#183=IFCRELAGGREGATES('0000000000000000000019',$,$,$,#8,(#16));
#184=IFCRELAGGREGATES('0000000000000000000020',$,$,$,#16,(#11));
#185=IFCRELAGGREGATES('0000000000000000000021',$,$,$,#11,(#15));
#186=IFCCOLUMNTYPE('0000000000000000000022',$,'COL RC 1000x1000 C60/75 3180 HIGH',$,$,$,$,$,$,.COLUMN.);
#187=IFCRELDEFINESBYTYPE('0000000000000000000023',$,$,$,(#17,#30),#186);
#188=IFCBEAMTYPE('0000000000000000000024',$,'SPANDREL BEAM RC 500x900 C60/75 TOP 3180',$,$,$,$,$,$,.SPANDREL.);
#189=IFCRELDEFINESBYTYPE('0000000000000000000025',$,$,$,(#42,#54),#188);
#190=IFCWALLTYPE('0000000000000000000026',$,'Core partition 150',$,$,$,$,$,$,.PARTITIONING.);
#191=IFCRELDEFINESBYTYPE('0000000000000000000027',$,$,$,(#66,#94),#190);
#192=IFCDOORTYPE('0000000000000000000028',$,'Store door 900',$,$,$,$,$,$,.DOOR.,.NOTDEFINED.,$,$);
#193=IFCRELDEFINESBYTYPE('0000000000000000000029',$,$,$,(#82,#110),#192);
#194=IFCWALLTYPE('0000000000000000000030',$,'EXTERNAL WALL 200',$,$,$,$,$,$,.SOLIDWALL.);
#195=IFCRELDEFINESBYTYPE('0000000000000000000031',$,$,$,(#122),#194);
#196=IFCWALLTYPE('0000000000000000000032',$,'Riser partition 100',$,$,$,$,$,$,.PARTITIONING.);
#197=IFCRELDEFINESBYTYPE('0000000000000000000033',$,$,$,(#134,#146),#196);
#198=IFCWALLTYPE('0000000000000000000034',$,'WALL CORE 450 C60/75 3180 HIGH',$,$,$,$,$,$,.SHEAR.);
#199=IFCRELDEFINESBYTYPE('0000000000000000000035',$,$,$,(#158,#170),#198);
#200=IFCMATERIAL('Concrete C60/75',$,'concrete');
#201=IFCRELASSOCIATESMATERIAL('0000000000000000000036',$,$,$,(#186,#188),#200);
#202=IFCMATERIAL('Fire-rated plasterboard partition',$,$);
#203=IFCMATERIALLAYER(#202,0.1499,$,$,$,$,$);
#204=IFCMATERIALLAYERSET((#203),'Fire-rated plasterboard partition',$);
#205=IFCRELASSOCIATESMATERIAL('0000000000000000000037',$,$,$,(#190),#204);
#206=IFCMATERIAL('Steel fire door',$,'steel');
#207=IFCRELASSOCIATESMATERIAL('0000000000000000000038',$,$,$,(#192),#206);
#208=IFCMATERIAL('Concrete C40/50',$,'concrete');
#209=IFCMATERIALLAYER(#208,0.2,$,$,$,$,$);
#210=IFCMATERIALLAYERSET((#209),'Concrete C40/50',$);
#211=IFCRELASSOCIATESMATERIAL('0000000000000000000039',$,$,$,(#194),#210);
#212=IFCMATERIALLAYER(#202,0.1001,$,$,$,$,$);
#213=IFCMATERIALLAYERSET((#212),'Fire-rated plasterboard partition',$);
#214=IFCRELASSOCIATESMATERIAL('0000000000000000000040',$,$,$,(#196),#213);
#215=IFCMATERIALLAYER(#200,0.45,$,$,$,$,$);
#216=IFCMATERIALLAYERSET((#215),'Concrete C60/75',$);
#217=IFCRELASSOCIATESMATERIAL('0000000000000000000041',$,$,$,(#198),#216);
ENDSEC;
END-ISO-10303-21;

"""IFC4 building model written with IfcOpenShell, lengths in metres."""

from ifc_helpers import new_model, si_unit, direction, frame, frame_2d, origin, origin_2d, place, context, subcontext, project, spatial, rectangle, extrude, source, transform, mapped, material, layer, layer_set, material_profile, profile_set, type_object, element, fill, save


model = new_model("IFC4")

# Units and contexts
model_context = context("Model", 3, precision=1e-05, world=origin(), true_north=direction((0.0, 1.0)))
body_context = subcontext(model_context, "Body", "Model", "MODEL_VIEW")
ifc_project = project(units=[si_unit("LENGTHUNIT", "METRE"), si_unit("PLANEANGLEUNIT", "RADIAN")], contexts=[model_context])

────

The answer consists of the lines above that include the word "direction", each copied exactly.

__ANSWER TO THIS TASK__.
from ifc_helpers import new_model, si_unit, direction, frame, frame_2d, origin, origin_2d, place, context, subcontext, project, spatial, rectangle, extrude, source, transform, mapped, material, layer, layer_set, material_profile, profile_set, type_object, element, fill, save
model_context = context("Model", 3, precision=1e-05, world=origin(), true_north=direction((0.0, 1.0)))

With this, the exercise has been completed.